* _DATA PROVIDED_

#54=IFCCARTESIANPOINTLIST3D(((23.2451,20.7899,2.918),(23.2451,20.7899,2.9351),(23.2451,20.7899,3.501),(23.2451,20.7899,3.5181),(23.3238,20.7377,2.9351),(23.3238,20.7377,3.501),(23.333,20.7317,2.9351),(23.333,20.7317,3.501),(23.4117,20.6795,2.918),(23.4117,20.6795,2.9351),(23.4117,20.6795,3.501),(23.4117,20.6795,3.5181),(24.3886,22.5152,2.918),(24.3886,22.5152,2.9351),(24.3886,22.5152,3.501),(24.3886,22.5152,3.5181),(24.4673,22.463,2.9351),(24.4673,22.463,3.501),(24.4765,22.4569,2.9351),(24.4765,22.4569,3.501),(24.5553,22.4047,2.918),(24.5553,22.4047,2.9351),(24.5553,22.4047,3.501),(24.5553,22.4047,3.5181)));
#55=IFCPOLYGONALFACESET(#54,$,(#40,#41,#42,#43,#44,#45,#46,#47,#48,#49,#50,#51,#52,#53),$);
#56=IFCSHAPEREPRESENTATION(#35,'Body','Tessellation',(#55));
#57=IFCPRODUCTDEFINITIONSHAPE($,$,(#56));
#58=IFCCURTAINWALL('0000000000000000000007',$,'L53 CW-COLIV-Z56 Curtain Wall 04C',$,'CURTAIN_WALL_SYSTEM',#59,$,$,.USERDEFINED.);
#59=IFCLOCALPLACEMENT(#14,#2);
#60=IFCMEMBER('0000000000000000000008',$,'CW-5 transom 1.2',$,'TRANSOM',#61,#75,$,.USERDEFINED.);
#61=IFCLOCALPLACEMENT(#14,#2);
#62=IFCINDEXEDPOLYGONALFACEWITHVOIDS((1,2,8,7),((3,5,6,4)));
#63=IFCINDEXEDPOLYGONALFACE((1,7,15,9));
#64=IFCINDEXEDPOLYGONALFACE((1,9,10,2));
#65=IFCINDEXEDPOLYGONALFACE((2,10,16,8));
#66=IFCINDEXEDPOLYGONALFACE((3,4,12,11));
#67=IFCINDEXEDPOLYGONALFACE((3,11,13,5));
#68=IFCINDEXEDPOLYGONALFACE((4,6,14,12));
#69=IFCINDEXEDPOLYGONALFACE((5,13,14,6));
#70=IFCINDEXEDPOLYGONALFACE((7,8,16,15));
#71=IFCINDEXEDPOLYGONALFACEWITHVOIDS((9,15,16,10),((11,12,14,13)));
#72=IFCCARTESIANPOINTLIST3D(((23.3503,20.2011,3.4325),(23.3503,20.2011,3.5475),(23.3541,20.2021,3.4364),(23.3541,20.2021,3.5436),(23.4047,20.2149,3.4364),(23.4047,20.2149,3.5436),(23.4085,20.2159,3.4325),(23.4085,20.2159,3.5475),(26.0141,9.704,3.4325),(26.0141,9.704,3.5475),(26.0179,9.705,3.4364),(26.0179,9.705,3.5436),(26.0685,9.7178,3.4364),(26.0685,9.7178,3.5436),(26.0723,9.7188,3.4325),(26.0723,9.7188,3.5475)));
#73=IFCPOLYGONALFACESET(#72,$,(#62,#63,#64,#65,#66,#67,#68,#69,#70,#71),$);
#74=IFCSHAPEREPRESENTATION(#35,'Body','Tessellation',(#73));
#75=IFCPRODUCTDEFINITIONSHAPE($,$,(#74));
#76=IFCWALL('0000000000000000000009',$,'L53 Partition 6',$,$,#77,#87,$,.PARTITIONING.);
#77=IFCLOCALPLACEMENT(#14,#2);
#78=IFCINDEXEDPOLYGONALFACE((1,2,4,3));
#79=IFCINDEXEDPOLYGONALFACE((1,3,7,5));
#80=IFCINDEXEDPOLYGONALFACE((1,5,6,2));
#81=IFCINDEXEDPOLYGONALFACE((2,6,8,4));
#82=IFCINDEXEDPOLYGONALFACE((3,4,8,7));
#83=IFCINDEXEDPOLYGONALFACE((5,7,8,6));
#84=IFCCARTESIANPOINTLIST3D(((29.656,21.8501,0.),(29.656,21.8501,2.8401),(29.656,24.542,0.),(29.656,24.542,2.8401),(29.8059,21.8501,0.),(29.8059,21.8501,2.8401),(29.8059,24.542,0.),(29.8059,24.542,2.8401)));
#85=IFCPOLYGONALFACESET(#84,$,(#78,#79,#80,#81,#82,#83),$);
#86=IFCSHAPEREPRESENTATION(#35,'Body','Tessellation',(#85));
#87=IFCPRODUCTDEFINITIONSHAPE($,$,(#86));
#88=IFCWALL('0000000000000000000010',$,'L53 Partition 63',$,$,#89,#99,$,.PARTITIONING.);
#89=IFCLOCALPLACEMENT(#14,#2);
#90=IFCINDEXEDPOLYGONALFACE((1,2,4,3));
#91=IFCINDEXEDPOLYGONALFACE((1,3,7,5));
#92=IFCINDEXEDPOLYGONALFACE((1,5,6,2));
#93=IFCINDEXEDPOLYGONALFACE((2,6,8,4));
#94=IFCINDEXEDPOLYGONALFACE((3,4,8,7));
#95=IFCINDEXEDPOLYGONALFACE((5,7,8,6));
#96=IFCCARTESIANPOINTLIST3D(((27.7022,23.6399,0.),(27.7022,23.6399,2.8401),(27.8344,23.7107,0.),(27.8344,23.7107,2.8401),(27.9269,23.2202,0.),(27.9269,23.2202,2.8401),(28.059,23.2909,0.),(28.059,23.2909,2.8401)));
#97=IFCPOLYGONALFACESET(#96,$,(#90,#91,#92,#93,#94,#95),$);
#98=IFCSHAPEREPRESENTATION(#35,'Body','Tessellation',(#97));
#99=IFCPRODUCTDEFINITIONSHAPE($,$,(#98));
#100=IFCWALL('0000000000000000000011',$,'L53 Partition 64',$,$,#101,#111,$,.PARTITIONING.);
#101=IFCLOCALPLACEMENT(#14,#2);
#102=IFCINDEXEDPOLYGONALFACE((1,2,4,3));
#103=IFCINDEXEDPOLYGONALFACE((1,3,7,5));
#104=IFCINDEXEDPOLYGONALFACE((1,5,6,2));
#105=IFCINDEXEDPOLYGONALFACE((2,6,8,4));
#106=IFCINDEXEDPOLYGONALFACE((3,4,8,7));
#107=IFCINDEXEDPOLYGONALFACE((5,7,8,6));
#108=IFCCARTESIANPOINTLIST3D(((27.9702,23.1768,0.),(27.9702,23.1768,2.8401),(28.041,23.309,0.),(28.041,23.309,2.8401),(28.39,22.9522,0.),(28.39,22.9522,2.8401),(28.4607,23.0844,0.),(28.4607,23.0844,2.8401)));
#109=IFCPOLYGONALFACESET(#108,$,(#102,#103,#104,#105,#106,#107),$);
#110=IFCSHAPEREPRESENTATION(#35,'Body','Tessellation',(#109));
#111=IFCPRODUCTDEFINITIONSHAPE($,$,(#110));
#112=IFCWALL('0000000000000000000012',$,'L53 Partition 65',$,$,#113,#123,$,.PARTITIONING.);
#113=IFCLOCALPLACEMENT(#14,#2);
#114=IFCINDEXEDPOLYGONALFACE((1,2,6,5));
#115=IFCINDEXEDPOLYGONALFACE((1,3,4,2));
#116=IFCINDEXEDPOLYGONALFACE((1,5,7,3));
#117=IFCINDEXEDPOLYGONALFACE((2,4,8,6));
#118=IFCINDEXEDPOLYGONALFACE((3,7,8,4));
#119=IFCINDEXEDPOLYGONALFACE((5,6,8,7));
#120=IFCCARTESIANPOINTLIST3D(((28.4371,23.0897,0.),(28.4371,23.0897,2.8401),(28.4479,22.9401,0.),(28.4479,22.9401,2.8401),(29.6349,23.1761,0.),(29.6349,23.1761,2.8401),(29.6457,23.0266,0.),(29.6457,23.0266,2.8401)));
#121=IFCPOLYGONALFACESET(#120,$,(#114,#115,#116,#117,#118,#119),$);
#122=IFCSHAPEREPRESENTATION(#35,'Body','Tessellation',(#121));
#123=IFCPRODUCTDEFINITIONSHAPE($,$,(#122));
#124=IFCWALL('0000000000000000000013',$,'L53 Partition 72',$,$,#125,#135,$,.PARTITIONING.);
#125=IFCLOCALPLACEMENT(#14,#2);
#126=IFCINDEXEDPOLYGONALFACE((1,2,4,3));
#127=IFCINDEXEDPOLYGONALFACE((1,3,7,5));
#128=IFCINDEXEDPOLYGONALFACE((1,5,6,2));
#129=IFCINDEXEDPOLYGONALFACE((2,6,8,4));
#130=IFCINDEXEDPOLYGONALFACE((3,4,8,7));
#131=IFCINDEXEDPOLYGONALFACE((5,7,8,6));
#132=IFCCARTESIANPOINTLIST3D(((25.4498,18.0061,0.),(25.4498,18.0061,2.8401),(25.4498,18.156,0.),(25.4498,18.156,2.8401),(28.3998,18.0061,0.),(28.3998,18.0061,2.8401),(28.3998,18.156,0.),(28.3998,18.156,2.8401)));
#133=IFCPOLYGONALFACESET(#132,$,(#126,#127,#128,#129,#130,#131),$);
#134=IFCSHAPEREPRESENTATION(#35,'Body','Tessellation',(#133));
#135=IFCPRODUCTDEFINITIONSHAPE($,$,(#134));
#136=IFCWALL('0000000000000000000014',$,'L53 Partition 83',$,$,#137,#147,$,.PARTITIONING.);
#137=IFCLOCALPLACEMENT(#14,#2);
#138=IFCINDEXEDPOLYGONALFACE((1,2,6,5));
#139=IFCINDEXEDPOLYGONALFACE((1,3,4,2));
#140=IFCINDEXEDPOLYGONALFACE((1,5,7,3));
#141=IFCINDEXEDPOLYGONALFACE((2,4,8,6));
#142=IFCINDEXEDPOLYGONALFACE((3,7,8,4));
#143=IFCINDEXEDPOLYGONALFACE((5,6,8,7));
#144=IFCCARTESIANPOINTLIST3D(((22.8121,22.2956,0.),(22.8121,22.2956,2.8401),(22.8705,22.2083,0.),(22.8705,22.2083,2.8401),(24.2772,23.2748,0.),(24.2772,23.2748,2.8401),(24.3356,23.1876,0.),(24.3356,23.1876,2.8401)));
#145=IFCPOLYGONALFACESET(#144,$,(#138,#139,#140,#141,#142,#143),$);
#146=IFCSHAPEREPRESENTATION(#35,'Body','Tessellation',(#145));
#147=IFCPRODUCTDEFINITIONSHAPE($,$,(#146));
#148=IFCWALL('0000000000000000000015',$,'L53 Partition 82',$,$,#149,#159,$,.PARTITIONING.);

* _TASK REQUIREMENTS_
Once you find the line with "#61=IFCLOCALPLACEMENT(#14,#2);" in the entries above, output it and each line after it up to and including the line with "#70=IFCINDEXEDPOLYGONALFACE((7,8,16,15));", and nothing else.

* _ANSWER TO THIS PROBLEM_
#61=IFCLOCALPLACEMENT(#14,#2);
#62=IFCINDEXEDPOLYGONALFACEWITHVOIDS((1,2,8,7),((3,5,6,4)));
#63=IFCINDEXEDPOLYGONALFACE((1,7,15,9));
#64=IFCINDEXEDPOLYGONALFACE((1,9,10,2));
#65=IFCINDEXEDPOLYGONALFACE((2,10,16,8));
#66=IFCINDEXEDPOLYGONALFACE((3,4,12,11));
#67=IFCINDEXEDPOLYGONALFACE((3,11,13,5));
#68=IFCINDEXEDPOLYGONALFACE((4,6,14,12));
#69=IFCINDEXEDPOLYGONALFACE((5,13,14,6));
#70=IFCINDEXEDPOLYGONALFACE((7,8,16,15));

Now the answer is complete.